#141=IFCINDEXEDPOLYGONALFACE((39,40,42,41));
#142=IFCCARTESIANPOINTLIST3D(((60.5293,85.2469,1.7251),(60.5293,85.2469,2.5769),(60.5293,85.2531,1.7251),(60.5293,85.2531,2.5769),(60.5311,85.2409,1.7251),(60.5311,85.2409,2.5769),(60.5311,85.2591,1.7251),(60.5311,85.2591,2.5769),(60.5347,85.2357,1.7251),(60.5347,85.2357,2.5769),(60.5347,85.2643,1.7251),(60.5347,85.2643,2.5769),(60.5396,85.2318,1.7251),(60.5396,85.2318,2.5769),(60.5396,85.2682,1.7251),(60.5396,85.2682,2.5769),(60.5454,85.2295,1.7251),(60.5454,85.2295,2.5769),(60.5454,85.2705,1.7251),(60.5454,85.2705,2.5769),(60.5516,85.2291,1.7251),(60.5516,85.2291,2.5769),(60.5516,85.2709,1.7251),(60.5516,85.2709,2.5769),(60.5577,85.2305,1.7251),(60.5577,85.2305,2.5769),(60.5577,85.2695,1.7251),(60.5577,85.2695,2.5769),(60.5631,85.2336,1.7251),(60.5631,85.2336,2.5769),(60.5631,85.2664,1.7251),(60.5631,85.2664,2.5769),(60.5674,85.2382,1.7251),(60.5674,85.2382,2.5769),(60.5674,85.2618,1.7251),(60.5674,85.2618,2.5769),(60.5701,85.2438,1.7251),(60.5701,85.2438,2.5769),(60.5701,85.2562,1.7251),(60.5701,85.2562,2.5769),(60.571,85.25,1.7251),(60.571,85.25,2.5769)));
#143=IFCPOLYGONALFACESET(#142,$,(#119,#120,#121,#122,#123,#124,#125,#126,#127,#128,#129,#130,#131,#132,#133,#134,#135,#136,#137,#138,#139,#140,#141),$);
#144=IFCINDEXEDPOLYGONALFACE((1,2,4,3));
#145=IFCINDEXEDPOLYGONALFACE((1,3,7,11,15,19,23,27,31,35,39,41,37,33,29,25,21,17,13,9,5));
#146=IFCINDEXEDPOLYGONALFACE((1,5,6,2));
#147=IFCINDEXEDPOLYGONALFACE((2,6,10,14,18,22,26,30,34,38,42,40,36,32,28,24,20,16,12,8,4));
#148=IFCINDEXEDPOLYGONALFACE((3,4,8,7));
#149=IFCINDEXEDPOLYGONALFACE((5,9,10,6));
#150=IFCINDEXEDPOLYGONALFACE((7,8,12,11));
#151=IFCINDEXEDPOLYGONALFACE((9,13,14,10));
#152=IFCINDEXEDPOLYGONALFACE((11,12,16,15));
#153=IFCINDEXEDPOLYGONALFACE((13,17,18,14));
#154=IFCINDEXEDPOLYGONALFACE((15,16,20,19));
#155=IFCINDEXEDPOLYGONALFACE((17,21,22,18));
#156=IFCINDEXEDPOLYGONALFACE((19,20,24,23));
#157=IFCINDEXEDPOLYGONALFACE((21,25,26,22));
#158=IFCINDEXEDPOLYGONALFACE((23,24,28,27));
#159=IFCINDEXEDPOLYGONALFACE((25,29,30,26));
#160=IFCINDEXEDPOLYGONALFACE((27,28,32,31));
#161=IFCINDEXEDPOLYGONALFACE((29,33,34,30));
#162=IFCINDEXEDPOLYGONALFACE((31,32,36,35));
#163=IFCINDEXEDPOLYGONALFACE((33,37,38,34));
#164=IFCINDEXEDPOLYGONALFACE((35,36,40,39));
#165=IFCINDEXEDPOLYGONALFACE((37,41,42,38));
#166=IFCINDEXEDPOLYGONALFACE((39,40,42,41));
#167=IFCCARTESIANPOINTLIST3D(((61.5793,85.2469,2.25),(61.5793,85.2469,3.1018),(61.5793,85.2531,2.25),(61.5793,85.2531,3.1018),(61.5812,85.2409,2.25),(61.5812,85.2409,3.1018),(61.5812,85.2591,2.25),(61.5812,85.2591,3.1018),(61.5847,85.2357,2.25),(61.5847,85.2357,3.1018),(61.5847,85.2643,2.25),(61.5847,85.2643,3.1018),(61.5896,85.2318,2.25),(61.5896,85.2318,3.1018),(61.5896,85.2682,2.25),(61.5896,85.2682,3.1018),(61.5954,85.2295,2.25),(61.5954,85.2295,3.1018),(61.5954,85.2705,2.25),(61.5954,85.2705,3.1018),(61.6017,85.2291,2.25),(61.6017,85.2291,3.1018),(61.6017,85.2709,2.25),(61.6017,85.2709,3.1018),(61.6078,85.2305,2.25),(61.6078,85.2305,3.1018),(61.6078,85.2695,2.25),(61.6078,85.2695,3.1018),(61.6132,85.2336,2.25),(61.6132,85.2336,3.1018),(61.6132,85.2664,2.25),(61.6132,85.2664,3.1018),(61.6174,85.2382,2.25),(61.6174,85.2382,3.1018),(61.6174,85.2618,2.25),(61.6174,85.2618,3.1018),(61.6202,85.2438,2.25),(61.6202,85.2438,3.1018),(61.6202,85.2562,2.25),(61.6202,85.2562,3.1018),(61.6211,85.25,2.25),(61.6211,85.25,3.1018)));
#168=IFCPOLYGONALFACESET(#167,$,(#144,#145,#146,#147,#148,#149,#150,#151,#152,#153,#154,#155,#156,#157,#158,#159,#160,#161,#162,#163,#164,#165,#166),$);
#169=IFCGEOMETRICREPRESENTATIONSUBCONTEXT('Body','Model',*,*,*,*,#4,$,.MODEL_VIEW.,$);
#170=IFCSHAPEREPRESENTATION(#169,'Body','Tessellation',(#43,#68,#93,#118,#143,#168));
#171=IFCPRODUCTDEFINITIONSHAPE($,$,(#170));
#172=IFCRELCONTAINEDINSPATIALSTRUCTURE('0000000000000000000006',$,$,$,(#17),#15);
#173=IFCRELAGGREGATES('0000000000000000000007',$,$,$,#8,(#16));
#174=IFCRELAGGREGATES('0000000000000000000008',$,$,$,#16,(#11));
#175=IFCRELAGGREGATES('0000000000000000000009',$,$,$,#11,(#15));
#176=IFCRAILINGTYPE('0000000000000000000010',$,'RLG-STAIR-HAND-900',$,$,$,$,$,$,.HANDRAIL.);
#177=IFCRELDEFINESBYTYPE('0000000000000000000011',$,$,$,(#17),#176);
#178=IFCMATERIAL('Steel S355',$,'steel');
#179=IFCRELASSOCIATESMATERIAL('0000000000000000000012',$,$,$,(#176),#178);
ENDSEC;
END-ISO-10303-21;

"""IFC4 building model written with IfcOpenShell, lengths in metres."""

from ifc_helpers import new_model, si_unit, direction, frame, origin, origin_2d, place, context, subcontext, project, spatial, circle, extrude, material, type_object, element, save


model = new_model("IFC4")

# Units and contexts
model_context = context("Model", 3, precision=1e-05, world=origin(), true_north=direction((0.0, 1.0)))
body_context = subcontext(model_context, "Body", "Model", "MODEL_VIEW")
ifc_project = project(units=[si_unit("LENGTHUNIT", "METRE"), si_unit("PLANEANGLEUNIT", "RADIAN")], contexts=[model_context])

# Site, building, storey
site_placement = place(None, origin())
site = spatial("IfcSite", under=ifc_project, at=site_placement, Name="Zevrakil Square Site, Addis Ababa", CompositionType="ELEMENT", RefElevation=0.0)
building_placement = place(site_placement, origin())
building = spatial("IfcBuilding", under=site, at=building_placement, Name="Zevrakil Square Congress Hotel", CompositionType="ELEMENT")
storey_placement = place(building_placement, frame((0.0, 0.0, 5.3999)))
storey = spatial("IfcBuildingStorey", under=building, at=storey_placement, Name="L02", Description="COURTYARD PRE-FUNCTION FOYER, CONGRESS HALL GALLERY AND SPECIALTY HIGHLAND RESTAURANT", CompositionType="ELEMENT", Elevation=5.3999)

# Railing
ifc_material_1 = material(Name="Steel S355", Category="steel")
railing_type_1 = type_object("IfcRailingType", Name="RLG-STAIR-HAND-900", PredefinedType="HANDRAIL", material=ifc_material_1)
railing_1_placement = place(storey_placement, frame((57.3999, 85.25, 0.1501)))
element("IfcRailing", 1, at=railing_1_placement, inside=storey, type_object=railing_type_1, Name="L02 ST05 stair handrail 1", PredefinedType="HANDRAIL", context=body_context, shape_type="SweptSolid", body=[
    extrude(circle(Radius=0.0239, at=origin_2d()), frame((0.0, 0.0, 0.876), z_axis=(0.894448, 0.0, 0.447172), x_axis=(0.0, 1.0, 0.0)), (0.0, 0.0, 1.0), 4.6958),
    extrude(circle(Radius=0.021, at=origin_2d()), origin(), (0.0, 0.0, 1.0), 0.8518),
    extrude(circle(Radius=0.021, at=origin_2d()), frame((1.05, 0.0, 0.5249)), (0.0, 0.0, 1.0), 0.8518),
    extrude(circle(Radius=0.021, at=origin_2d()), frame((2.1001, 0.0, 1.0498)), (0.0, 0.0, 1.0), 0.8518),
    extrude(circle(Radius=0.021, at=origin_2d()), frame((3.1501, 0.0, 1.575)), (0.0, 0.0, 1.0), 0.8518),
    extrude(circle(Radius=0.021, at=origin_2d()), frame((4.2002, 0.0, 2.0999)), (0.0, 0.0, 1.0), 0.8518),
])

Goal of the exercise: In the material above, locate the line containing "#152=IFCINDEXEDPOLYGONALFACE((11,12,16,15));" and the line containing "#157=IFCINDEXEDPOLYGONALFACE((21,25,26,22));". Transcribe exactly those two lines and every line between them, and nothing more.

Solution to this task:
#152=IFCINDEXEDPOLYGONALFACE((11,12,16,15));
#153=IFCINDEXEDPOLYGONALFACE((13,17,18,14));
#154=IFCINDEXEDPOLYGONALFACE((15,16,20,19));
#155=IFCINDEXEDPOLYGONALFACE((17,21,22,18));
#156=IFCINDEXEDPOLYGONALFACE((19,20,24,23));
#157=IFCINDEXEDPOLYGONALFACE((21,25,26,22));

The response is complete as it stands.